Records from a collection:

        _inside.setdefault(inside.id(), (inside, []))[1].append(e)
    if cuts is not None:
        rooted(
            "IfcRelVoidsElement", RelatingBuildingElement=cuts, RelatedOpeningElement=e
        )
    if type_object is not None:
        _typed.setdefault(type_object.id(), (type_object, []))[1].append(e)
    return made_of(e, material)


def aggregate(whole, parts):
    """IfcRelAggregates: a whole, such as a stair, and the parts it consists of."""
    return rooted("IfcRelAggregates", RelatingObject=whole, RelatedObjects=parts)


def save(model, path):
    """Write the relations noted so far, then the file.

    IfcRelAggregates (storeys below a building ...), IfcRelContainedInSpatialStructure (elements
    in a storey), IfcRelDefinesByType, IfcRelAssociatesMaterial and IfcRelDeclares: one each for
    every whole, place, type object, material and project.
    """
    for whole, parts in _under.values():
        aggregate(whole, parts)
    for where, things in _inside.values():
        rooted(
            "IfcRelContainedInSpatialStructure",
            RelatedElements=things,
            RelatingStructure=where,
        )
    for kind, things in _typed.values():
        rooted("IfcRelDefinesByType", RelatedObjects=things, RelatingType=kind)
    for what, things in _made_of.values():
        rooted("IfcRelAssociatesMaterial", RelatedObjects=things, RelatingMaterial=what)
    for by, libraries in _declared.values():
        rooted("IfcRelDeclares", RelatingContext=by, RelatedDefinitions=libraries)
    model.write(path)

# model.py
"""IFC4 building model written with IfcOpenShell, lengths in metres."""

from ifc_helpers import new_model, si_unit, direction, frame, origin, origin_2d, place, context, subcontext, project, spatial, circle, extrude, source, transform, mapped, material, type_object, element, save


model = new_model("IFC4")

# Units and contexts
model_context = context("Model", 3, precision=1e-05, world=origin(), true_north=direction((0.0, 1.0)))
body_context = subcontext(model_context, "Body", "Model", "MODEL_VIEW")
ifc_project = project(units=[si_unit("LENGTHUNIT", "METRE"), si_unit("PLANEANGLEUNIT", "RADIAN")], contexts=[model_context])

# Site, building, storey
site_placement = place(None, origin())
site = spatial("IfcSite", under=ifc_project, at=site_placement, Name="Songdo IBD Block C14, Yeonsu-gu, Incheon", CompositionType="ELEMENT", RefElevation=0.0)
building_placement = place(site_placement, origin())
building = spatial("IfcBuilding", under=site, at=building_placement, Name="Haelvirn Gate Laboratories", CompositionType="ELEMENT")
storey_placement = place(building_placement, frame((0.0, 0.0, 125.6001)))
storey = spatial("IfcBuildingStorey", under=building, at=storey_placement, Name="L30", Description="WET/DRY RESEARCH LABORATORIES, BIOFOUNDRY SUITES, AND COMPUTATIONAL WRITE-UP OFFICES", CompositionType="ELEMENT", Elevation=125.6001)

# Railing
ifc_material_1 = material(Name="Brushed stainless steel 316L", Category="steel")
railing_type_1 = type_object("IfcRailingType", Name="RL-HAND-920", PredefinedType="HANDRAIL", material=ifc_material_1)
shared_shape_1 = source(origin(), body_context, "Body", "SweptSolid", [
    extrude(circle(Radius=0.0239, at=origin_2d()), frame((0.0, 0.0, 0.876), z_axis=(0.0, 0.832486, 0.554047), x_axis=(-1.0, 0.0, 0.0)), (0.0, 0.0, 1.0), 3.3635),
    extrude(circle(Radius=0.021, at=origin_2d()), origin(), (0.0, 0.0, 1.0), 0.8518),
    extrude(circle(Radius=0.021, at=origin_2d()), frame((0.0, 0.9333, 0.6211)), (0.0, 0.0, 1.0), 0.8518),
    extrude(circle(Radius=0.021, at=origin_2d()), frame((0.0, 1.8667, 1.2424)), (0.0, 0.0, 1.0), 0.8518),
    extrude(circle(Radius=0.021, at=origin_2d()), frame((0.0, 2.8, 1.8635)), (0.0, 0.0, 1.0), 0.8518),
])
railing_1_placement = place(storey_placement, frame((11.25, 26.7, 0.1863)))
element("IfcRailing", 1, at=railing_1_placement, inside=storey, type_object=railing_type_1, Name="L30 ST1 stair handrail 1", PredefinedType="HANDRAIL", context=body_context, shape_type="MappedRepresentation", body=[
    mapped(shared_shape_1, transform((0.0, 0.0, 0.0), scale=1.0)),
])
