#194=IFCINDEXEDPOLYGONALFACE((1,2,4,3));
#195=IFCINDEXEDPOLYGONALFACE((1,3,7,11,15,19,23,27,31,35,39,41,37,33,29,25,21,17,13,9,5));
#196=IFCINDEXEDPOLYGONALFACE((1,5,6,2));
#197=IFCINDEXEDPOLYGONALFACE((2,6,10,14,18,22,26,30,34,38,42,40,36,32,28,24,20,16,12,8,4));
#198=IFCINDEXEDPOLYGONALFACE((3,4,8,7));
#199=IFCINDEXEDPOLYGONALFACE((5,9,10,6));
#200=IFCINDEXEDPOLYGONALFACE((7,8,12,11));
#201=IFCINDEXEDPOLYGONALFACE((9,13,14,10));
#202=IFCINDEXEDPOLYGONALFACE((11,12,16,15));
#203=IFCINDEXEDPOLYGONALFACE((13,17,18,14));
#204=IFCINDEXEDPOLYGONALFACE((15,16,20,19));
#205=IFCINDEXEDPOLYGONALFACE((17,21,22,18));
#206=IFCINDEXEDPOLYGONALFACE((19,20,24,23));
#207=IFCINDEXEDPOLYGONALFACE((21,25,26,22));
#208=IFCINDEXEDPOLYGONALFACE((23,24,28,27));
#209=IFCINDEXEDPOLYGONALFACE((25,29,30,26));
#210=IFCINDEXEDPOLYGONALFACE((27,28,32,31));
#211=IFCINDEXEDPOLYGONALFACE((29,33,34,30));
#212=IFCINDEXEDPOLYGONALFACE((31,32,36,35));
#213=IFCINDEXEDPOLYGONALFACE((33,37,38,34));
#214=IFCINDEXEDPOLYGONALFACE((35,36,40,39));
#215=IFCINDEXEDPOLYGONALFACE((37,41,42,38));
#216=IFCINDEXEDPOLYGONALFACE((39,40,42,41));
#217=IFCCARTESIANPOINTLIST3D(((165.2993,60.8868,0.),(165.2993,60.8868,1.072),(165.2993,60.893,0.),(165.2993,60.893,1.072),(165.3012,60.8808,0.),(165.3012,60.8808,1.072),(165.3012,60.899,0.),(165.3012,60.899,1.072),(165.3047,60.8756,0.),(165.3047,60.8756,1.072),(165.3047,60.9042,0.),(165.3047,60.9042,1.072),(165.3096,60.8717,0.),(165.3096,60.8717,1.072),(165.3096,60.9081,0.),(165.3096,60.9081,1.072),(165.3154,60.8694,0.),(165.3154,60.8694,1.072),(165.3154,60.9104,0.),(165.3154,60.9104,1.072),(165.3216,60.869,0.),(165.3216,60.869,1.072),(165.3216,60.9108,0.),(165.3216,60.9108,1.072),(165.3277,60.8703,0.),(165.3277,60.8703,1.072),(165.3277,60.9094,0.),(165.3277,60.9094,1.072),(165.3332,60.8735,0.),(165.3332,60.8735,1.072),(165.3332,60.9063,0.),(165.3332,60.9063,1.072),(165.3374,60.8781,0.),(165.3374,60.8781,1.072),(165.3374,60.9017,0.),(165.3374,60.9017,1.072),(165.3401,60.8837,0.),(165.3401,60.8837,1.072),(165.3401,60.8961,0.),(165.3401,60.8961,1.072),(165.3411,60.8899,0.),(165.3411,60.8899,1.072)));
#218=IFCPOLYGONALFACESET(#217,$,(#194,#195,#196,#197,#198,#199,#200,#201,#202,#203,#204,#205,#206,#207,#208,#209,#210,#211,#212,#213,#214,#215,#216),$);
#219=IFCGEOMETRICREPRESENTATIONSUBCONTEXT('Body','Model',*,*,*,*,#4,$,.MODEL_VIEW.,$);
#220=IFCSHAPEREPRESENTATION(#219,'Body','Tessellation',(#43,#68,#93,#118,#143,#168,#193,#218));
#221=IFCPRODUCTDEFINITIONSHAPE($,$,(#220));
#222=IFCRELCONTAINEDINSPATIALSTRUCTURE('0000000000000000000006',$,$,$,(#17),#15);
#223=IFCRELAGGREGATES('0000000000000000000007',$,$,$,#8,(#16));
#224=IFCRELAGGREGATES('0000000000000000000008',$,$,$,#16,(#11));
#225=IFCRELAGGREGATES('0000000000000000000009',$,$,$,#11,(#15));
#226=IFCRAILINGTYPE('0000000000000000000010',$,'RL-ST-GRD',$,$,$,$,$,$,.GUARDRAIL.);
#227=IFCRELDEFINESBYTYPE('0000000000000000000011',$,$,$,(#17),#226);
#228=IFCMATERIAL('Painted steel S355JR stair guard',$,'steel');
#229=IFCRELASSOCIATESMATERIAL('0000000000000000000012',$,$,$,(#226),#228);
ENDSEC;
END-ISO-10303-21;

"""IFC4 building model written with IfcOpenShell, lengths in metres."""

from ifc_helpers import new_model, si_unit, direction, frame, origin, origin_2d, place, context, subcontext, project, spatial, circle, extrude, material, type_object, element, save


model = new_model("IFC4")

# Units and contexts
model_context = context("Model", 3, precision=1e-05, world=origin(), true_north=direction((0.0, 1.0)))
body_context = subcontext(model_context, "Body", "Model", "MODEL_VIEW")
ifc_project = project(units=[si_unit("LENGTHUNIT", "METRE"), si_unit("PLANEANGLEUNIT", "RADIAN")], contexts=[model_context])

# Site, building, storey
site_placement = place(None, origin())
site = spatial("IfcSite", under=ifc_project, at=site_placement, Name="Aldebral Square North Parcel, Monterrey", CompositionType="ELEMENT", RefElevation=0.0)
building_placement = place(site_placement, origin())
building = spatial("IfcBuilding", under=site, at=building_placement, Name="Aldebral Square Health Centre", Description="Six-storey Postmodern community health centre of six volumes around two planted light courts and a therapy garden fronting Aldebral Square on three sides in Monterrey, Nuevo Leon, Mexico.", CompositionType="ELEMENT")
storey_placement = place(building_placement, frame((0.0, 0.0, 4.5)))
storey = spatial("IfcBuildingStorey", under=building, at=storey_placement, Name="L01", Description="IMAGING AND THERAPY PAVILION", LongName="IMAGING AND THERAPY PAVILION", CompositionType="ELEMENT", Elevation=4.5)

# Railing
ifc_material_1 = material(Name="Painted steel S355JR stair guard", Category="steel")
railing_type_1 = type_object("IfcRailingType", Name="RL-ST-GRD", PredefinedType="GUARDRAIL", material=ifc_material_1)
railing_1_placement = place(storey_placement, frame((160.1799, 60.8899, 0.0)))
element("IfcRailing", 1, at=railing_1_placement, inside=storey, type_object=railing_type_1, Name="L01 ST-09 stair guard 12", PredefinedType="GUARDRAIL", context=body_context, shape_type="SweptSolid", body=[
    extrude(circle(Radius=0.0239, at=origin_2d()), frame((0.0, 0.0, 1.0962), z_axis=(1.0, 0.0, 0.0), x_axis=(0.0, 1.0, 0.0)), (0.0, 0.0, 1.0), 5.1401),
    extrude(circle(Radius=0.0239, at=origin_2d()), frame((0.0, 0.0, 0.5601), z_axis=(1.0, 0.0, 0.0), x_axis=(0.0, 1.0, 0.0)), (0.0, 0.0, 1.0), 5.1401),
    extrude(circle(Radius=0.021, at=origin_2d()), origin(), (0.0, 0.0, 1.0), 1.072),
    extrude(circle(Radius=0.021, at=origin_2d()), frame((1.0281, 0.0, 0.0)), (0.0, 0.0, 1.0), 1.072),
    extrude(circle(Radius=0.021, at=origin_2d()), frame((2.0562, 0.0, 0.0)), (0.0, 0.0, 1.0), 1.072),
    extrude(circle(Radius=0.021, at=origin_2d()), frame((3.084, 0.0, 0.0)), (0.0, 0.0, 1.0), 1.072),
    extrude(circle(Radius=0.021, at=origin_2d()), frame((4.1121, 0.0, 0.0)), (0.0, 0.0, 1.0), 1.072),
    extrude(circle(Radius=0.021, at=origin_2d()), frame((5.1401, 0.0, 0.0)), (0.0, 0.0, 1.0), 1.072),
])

--

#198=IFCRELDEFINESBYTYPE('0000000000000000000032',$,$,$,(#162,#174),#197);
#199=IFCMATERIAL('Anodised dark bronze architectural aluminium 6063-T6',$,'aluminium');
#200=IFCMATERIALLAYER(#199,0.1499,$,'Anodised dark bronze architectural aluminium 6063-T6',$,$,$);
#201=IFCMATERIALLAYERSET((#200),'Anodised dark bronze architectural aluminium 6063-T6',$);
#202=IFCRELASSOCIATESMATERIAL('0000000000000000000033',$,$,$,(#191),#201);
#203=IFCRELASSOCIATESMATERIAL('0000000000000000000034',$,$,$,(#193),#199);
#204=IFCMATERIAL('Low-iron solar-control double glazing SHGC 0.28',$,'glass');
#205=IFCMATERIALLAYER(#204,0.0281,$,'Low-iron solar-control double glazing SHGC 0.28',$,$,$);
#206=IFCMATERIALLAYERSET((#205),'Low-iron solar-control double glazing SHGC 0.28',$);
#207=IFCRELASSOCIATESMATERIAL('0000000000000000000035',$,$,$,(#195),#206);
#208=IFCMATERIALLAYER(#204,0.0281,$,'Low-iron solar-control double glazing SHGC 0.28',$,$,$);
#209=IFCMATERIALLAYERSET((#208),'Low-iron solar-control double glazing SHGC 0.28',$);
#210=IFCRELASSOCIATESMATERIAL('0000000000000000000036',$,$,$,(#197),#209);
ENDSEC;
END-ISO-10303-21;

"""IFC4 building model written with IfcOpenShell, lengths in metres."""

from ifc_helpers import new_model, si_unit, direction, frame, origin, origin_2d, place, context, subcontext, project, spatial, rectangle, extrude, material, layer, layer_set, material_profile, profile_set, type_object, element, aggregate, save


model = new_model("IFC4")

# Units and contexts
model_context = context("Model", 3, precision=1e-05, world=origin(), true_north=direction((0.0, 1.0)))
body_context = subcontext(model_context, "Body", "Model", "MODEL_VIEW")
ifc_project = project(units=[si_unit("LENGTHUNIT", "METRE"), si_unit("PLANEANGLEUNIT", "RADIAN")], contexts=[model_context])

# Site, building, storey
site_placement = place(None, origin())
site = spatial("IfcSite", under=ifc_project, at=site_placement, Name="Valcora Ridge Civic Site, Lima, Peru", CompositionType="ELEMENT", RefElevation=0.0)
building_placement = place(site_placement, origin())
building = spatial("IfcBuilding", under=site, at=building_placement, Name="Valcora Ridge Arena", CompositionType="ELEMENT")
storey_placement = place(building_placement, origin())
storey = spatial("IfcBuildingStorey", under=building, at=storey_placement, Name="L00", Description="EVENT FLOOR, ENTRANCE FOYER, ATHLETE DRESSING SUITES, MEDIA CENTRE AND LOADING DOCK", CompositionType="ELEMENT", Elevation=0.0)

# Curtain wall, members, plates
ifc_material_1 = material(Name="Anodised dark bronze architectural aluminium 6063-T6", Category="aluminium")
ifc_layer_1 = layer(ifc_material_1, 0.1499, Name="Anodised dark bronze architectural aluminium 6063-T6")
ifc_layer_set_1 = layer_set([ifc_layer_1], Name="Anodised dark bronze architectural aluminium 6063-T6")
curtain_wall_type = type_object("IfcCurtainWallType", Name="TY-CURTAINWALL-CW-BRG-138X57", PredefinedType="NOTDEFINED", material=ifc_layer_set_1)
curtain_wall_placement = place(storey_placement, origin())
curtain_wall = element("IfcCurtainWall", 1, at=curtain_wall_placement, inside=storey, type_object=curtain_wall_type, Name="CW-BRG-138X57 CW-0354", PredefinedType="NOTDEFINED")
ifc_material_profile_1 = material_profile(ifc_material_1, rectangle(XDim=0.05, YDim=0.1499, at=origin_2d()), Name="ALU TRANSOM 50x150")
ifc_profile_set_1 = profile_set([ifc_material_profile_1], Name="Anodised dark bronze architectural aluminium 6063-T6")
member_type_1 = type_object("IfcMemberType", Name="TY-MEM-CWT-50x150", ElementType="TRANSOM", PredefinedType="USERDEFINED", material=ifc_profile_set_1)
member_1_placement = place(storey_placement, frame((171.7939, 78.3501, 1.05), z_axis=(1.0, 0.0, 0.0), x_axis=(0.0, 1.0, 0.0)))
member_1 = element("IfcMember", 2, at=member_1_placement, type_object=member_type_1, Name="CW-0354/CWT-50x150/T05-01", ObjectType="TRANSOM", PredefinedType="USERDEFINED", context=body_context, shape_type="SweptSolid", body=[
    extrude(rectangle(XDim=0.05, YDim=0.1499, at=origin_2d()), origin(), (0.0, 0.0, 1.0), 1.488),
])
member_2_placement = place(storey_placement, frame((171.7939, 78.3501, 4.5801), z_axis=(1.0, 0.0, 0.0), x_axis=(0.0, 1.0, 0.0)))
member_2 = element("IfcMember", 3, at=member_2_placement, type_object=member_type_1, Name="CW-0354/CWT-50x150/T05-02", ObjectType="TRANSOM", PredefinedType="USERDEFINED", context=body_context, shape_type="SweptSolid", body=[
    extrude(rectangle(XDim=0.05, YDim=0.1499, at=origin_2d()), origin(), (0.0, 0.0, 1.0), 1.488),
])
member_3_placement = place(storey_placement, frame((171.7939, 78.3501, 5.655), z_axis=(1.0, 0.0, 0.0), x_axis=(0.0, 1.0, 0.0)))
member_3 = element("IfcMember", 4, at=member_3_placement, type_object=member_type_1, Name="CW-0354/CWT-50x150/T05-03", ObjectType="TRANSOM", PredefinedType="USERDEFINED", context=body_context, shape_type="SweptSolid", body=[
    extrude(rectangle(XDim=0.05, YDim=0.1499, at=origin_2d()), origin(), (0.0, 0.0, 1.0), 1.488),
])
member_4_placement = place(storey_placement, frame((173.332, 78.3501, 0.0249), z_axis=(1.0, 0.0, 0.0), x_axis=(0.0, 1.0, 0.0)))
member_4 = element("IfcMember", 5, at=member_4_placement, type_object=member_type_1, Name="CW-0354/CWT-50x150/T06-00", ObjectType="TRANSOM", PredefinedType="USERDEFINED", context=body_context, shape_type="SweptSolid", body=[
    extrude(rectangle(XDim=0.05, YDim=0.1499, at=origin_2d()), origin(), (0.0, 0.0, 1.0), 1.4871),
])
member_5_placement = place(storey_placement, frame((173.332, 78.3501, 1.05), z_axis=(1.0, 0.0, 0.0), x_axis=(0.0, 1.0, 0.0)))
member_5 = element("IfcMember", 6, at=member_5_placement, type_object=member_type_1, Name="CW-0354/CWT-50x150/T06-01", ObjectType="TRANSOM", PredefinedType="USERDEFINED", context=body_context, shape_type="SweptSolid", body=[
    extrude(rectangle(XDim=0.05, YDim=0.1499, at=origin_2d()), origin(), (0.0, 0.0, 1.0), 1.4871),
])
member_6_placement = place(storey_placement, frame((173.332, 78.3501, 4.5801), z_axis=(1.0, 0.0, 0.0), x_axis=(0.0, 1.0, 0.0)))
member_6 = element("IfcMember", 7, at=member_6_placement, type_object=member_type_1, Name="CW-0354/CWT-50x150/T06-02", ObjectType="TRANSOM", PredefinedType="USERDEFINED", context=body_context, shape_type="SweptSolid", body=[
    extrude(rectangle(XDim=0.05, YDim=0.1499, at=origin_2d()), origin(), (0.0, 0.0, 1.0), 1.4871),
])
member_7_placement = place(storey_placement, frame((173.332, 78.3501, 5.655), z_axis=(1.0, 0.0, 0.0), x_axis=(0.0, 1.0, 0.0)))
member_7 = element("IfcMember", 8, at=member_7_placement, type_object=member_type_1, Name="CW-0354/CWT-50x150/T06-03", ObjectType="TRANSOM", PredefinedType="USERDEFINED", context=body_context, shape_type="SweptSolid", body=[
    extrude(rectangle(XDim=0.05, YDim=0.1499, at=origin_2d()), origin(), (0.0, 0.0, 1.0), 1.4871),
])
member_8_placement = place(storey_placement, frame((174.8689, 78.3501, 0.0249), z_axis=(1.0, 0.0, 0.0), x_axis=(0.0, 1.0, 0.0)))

* * *

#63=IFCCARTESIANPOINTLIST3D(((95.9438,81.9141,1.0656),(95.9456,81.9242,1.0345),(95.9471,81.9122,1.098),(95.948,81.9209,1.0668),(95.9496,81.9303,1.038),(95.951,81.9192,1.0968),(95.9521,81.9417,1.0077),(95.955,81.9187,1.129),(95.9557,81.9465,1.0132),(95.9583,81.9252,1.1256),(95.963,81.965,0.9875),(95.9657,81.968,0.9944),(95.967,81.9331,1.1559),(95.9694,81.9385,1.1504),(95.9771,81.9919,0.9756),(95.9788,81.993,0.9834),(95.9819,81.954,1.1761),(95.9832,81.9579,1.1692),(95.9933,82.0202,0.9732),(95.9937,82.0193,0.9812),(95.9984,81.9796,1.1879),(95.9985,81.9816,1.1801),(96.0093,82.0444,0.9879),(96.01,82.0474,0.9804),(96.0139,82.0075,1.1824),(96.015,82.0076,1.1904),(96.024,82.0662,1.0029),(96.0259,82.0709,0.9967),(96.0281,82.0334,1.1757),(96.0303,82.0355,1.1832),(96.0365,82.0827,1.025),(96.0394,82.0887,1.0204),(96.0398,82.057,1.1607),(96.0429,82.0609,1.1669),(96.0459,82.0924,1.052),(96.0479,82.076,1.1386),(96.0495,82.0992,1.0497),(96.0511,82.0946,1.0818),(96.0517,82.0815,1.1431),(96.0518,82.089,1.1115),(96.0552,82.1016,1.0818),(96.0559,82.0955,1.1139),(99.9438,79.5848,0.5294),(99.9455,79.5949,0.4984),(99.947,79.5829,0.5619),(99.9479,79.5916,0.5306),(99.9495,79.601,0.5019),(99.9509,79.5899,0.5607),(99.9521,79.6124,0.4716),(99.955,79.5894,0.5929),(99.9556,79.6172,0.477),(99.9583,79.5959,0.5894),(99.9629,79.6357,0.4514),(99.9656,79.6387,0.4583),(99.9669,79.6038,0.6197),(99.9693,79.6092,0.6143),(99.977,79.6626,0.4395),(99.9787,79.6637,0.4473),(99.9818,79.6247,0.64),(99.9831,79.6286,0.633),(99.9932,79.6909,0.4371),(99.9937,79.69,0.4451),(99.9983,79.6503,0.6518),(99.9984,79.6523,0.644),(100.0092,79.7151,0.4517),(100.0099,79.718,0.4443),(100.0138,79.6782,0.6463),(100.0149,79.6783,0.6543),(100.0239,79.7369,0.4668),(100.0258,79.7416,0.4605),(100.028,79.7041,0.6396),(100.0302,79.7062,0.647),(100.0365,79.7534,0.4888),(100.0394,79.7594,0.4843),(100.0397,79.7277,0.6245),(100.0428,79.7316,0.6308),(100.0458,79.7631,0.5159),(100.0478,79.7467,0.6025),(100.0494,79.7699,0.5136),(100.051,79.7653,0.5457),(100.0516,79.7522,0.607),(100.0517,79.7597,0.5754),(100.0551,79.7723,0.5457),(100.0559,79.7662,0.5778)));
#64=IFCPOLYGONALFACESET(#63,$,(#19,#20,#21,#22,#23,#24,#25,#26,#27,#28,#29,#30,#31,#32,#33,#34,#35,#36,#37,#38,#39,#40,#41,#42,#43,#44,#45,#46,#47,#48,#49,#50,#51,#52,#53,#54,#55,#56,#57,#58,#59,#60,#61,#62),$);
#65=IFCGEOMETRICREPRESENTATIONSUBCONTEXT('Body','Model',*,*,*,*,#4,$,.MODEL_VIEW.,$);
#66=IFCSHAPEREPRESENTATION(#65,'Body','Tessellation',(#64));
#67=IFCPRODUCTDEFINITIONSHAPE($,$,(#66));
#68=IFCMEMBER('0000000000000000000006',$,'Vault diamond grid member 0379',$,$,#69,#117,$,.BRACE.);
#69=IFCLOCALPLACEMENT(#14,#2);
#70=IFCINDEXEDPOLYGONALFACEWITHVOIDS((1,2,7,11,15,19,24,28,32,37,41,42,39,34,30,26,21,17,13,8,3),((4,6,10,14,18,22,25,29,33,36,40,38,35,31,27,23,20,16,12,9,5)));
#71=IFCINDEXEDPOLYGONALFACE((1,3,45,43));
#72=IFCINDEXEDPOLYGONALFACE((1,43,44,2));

* [TASK PROMPT]: Report each line of the data that includes the string "IFCPRODUCTDEFINITIONSHAPE".

* [EXERCISE RESULT]:
#221=IFCPRODUCTDEFINITIONSHAPE($,$,(#220));
#67=IFCPRODUCTDEFINITIONSHAPE($,$,(#66));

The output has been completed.